**Exercise prompt**
Looking at the listing below, retype exactly the lines starting at the one containing "#20=IFCLOCALPLACEMENT(#14,#2);" and ending at the one containing "#26=IFCINDEXEDPOLYGONALFACE((5,7,8,6));", both included, and nothing else.

**Materials provided**
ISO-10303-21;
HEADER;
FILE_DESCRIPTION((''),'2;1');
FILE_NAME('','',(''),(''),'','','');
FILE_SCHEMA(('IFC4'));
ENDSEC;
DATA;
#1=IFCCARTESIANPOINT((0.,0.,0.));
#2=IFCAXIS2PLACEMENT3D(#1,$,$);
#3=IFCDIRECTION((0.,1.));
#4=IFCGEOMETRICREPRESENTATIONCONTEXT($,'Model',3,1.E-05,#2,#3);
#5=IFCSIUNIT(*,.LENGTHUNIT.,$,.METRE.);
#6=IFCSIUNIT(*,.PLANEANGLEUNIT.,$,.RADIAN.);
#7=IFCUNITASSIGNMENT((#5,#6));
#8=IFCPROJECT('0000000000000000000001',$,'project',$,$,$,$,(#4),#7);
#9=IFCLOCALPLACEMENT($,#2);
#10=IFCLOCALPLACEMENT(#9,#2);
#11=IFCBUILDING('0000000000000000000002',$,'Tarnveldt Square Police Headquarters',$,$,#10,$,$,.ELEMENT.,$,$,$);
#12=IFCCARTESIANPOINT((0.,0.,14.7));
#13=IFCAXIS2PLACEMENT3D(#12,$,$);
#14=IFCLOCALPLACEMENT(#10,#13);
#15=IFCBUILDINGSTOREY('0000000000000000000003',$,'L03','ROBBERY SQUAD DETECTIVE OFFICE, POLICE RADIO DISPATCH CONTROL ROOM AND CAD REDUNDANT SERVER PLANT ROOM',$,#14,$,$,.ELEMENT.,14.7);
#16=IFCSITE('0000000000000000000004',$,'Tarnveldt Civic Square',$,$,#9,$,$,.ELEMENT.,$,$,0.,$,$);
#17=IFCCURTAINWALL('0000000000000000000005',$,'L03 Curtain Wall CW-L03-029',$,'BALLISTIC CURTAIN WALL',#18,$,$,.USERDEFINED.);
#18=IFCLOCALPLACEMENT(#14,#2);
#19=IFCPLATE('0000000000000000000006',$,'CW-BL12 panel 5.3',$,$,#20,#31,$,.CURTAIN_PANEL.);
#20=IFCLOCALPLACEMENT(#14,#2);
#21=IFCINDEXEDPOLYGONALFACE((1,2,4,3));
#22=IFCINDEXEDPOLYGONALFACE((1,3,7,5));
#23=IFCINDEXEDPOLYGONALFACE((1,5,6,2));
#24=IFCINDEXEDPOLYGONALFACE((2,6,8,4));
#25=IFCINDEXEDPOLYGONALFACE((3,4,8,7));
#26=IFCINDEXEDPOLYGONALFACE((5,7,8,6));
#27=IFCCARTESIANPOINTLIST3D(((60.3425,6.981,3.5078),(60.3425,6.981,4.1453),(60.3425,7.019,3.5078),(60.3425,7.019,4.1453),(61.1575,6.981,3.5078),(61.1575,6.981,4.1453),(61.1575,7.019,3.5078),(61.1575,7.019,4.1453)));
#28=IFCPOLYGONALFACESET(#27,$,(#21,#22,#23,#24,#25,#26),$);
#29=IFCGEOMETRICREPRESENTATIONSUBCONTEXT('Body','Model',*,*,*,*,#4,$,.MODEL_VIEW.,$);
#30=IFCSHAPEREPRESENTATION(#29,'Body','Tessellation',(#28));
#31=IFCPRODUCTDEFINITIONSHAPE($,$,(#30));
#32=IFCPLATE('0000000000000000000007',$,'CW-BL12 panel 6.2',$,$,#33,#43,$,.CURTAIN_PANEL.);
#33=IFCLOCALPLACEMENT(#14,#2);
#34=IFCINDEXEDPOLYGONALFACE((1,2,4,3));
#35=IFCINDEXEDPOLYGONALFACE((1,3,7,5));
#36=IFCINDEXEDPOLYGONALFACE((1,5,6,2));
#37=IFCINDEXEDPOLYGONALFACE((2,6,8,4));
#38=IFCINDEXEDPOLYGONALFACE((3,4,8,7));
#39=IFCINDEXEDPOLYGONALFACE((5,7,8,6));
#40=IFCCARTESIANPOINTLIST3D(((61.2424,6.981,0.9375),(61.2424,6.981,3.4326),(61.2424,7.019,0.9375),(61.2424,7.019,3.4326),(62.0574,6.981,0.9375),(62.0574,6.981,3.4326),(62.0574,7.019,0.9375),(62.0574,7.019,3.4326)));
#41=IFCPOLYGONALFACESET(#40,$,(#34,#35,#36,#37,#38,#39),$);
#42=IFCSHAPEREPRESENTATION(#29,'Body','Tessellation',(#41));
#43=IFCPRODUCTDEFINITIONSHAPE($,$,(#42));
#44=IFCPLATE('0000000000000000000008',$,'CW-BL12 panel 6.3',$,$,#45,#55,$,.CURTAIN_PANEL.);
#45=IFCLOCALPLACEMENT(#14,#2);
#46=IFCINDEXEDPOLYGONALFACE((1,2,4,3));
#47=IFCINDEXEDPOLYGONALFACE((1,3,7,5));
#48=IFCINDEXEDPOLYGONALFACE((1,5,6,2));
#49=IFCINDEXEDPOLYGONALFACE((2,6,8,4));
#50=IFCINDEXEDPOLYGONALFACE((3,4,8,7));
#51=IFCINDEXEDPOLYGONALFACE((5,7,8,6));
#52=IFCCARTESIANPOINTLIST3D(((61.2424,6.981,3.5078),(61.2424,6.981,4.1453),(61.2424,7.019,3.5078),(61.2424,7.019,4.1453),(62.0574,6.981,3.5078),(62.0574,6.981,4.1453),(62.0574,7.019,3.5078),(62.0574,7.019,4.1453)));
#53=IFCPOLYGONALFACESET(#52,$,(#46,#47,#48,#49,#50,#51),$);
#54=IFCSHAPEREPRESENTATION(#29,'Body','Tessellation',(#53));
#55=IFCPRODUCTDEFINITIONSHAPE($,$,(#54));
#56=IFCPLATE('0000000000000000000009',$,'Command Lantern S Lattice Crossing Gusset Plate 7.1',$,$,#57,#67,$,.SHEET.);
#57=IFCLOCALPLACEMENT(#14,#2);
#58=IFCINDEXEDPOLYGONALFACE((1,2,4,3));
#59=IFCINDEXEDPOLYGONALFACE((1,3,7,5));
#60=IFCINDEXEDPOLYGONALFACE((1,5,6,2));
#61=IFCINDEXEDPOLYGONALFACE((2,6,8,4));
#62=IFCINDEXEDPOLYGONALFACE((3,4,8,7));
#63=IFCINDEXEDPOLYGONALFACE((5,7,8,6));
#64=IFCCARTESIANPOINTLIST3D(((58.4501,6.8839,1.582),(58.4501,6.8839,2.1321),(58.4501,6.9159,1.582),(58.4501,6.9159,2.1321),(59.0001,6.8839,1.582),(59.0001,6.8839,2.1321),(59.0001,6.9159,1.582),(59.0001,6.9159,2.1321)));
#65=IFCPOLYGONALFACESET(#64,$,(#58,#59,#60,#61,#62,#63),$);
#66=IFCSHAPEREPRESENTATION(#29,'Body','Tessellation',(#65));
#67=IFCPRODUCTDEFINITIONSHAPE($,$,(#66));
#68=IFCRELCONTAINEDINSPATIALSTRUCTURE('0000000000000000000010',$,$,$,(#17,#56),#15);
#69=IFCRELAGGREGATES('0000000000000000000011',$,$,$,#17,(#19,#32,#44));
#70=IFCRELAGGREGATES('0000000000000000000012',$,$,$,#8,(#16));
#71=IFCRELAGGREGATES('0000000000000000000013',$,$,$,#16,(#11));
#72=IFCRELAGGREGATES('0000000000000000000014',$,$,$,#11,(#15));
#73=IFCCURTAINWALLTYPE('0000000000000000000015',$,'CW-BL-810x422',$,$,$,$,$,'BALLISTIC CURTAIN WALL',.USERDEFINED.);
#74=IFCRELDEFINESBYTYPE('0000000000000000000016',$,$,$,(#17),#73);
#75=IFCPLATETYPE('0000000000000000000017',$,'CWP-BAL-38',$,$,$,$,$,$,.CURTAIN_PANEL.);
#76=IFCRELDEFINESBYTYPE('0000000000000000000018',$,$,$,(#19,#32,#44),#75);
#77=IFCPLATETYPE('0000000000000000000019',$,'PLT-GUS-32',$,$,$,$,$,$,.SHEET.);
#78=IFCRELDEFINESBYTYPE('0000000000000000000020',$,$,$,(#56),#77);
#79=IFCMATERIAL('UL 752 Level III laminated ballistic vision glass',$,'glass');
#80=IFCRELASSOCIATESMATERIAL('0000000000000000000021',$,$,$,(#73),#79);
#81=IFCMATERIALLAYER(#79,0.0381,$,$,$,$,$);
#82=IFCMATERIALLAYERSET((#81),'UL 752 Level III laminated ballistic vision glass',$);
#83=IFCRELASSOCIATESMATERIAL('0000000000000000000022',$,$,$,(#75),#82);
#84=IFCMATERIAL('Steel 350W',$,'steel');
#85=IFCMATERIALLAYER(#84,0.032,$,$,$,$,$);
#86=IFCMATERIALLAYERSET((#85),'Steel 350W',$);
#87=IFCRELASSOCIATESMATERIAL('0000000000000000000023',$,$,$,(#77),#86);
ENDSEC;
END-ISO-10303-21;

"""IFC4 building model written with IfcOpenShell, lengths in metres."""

from ifc_helpers import new_model, si_unit, direction, frame, origin, origin_2d, place, context, subcontext, project, spatial, rectangle, extrude, material, layer, layer_set, type_object, element, aggregate, save


model = new_model("IFC4")

# Units and contexts
model_context = context("Model", 3, precision=1e-05, world=origin(), true_north=direction((0.0, 1.0)))
body_context = subcontext(model_context, "Body", "Model", "MODEL_VIEW")
ifc_project = project(units=[si_unit("LENGTHUNIT", "METRE"), si_unit("PLANEANGLEUNIT", "RADIAN")], contexts=[model_context])

# Site, building, storey
site_placement = place(None, origin())
site = spatial("IfcSite", under=ifc_project, at=site_placement, Name="Tarnveldt Civic Square", CompositionType="ELEMENT", RefElevation=0.0)
building_placement = place(site_placement, origin())
building = spatial("IfcBuilding", under=site, at=building_placement, Name="Tarnveldt Square Police Headquarters", CompositionType="ELEMENT")
storey_placement = place(building_placement, frame((0.0, 0.0, 14.7)))
storey = spatial("IfcBuildingStorey", under=building, at=storey_placement, Name="L03", Description="ROBBERY SQUAD DETECTIVE OFFICE, POLICE RADIO DISPATCH CONTROL ROOM AND CAD REDUNDANT SERVER PLANT ROOM", CompositionType="ELEMENT", Elevation=14.7)

# Curtain wall
ifc_material_1 = material(Name="UL 752 Level III laminated ballistic vision glass", Category="glass")
curtain_wall_type = type_object("IfcCurtainWallType", Name="CW-BL-810x422", ElementType="BALLISTIC CURTAIN WALL", PredefinedType="USERDEFINED", material=ifc_material_1)
curtain_wall_placement = place(storey_placement, origin())
curtain_wall = element("IfcCurtainWall", 1, at=curtain_wall_placement, inside=storey, type_object=curtain_wall_type, Name="L03 Curtain Wall CW-L03-029", ObjectType="BALLISTIC CURTAIN WALL", PredefinedType="USERDEFINED")

# Shared definitions
ifc_material_2 = material(Name="Steel 350W", Category="steel")

# Plates
ifc_layer_1 = layer(ifc_material_1, 0.0381)
ifc_layer_set_1 = layer_set([ifc_layer_1], Name="UL 752 Level III laminated ballistic vision glass")
plate_type_1 = type_object("IfcPlateType", Name="CWP-BAL-38", PredefinedType="CURTAIN_PANEL", material=ifc_layer_set_1)
plate_1_placement = place(storey_placement, frame((60.75, 7.0, 3.5078), z_axis=(0.0, 0.0, 1.0), x_axis=(1.0, 0.0, 0.0)))
plate_1 = element("IfcPlate", 2, at=plate_1_placement, type_object=plate_type_1, Name="CW-BL12 panel 5.3", PredefinedType="CURTAIN_PANEL", context=body_context, shape_type="SweptSolid", body=[
    extrude(rectangle(XDim=0.8149, YDim=0.0381, at=origin_2d()), origin(), (0.0, 0.0, 1.0), 0.6375),
])
plate_2_placement = place(storey_placement, frame((61.6499, 7.0, 0.9375), z_axis=(0.0, 0.0, 1.0), x_axis=(1.0, 0.0, 0.0)))
plate_2 = element("IfcPlate", 3, at=plate_2_placement, type_object=plate_type_1, Name="CW-BL12 panel 6.2", PredefinedType="CURTAIN_PANEL", context=body_context, shape_type="SweptSolid", body=[
    extrude(rectangle(XDim=0.8149, YDim=0.0381, at=origin_2d()), origin(), (0.0, 0.0, 1.0), 2.4951),
])
plate_3_placement = place(storey_placement, frame((61.6499, 7.0, 3.5078), z_axis=(0.0, 0.0, 1.0), x_axis=(1.0, 0.0, 0.0)))
plate_3 = element("IfcPlate", 4, at=plate_3_placement, type_object=plate_type_1, Name="CW-BL12 panel 6.3", PredefinedType="CURTAIN_PANEL", context=body_context, shape_type="SweptSolid", body=[
    extrude(rectangle(XDim=0.8149, YDim=0.0381, at=origin_2d()), origin(), (0.0, 0.0, 1.0), 0.6375),
])
aggregate(curtain_wall, [plate_1, plate_2, plate_3])
ifc_layer_2 = layer(ifc_material_2, 0.032)
ifc_layer_set_2 = layer_set([ifc_layer_2], Name="Steel 350W")
plate_type_2 = type_object("IfcPlateType", Name="PLT-GUS-32", PredefinedType="SHEET", material=ifc_layer_set_2)
plate_4_placement = place(storey_placement, frame((58.7251, 6.8999, 1.582), z_axis=(0.0, 0.0, 1.0), x_axis=(1.0, 0.0, 0.0)))
element("IfcPlate", 5, at=plate_4_placement, inside=storey, type_object=plate_type_2, Name="Command Lantern S Lattice Crossing Gusset Plate 7.1", PredefinedType="SHEET", context=body_context, shape_type="SweptSolid", body=[
    extrude(rectangle(XDim=0.55, YDim=0.032, at=origin_2d()), origin(), (0.0, 0.0, 1.0), 0.55),
])

save(model, "model.ifc")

**Response**
#20=IFCLOCALPLACEMENT(#14,#2);
#21=IFCINDEXEDPOLYGONALFACE((1,2,4,3));
#22=IFCINDEXEDPOLYGONALFACE((1,3,7,5));
#23=IFCINDEXEDPOLYGONALFACE((1,5,6,2));
#24=IFCINDEXEDPOLYGONALFACE((2,6,8,4));
#25=IFCINDEXEDPOLYGONALFACE((3,4,8,7));
#26=IFCINDEXEDPOLYGONALFACE((5,7,8,6));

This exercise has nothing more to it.